▶ **Description of the task**
Identify each line below that contains the word "Arena", and copy it out.

[Source records]
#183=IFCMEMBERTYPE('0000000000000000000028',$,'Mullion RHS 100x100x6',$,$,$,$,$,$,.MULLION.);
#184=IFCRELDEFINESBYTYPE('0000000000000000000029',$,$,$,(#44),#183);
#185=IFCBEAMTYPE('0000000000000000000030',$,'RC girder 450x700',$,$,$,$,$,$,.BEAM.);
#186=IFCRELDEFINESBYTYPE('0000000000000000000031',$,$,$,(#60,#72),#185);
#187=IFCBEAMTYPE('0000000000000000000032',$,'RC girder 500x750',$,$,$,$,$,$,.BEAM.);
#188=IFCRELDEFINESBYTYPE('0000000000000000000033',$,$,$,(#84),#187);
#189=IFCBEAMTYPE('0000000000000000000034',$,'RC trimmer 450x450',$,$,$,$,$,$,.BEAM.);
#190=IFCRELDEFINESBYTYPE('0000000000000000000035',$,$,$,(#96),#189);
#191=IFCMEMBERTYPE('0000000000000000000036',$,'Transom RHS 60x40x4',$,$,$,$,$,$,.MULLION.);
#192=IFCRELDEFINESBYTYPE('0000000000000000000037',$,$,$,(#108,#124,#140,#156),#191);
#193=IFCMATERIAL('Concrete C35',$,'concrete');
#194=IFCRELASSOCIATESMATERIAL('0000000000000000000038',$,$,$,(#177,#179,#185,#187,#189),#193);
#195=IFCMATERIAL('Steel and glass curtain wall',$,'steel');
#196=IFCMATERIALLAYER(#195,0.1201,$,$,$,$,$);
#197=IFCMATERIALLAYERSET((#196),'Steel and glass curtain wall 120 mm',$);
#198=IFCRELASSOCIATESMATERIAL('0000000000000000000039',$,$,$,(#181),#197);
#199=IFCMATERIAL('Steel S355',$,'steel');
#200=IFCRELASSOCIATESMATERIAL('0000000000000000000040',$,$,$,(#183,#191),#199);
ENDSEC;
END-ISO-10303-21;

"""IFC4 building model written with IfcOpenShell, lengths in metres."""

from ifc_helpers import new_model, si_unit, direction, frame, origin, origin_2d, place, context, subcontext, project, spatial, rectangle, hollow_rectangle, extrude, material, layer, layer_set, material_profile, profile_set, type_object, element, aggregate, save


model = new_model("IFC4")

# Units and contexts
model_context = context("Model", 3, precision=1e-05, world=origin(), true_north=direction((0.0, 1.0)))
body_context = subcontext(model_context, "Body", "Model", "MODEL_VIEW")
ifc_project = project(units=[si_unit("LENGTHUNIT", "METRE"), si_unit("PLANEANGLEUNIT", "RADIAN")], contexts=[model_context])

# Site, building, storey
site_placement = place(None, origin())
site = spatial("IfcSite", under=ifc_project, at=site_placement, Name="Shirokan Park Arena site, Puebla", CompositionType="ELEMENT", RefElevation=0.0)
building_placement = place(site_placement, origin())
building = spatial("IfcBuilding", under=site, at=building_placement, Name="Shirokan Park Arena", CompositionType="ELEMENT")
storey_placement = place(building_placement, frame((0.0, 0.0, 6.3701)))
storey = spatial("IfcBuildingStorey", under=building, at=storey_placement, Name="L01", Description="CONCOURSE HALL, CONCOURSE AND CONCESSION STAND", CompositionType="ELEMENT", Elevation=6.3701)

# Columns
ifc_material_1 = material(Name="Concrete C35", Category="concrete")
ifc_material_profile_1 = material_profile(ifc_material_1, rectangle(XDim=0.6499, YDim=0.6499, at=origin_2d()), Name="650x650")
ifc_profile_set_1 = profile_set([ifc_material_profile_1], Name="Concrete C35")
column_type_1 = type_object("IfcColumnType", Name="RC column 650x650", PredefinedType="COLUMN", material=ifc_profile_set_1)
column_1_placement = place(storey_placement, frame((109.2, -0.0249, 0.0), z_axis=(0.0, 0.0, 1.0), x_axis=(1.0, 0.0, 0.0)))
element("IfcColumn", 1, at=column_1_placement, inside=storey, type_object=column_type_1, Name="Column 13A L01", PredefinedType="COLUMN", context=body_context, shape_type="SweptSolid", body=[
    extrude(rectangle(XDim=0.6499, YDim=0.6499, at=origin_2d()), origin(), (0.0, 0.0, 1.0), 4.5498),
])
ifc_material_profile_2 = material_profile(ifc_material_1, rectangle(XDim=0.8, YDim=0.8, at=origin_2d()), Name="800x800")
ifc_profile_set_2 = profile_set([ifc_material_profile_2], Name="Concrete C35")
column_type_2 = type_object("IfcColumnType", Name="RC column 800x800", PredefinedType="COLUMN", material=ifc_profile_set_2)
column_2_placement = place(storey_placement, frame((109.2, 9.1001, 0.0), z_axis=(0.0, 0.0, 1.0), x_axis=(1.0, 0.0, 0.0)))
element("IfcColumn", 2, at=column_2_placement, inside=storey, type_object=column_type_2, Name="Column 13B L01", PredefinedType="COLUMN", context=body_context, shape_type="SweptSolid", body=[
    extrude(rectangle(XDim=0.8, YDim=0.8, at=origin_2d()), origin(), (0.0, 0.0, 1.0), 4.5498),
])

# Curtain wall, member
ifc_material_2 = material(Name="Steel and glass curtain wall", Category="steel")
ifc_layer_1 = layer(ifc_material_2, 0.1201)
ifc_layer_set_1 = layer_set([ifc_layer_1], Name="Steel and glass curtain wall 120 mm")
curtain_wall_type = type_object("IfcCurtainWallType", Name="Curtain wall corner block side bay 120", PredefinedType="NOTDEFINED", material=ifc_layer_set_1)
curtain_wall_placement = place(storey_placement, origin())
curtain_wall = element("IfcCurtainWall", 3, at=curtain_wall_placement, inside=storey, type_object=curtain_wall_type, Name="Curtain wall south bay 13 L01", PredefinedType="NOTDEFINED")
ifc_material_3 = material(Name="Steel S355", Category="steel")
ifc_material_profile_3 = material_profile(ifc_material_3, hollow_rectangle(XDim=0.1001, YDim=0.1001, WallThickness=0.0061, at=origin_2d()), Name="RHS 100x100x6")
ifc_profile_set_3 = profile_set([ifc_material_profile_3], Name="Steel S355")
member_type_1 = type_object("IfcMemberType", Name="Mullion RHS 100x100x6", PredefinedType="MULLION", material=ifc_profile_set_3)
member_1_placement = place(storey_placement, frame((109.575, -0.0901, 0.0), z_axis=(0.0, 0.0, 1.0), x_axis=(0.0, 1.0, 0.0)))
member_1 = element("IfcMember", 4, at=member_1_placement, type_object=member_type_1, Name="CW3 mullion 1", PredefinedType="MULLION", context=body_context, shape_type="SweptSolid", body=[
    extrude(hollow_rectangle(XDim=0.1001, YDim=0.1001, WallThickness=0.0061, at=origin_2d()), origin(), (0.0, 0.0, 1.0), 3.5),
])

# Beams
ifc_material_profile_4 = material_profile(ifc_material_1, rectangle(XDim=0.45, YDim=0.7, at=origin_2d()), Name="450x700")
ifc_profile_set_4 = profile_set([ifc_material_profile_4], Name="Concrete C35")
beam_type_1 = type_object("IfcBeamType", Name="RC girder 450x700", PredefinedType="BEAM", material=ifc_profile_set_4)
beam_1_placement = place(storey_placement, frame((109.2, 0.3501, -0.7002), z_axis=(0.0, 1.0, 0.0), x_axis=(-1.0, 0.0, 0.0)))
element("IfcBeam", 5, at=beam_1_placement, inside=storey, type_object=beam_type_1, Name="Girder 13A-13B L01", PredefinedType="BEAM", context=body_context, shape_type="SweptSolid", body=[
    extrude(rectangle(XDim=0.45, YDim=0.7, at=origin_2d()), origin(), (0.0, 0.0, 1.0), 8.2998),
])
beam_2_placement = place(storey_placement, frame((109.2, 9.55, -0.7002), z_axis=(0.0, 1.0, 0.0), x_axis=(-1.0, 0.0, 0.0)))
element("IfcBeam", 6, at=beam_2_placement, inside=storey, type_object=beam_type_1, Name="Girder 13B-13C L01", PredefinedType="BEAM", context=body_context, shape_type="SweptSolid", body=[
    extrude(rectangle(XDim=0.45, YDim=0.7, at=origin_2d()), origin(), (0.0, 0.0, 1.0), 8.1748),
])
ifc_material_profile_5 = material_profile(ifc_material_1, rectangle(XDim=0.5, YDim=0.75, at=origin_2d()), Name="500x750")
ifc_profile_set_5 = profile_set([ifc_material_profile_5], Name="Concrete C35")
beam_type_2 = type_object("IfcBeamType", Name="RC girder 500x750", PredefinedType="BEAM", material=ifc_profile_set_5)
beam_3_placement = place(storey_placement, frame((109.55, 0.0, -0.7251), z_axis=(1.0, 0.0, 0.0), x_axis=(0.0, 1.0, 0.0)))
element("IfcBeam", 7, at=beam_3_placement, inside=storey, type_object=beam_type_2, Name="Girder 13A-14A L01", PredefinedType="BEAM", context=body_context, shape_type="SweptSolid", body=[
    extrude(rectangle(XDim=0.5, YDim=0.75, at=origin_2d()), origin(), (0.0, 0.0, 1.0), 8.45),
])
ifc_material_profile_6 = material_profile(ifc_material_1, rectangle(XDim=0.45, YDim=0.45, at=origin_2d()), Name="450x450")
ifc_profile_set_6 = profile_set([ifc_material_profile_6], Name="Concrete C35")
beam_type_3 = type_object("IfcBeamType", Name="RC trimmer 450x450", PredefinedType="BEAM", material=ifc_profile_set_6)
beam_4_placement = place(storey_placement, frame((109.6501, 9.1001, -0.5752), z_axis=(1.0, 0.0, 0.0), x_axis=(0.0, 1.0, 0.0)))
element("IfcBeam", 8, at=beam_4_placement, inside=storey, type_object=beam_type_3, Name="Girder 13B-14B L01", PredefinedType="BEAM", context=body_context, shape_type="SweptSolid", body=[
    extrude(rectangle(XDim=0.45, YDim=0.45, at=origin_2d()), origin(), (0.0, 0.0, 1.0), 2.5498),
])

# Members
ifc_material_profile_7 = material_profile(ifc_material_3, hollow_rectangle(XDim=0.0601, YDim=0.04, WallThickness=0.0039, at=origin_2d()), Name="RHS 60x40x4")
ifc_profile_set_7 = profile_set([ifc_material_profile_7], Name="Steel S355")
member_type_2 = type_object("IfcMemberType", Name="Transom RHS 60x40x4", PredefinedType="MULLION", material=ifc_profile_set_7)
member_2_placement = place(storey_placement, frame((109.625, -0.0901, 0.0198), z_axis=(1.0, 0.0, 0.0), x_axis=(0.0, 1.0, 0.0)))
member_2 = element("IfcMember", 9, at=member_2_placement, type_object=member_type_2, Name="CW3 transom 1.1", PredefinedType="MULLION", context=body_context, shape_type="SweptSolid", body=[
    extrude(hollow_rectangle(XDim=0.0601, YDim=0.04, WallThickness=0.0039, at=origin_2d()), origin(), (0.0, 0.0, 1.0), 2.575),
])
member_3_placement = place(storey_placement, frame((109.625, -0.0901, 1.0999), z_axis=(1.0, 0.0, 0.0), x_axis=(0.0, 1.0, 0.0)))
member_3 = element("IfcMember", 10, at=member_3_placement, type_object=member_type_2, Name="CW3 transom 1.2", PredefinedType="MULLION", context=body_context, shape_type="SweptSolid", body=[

▶ **Solution to this problem**
site = spatial("IfcSite", under=ifc_project, at=site_placement, Name="Shirokan Park Arena site, Puebla", CompositionType="ELEMENT", RefElevation=0.0)
building = spatial("IfcBuilding", under=site, at=building_placement, Name="Shirokan Park Arena", CompositionType="ELEMENT")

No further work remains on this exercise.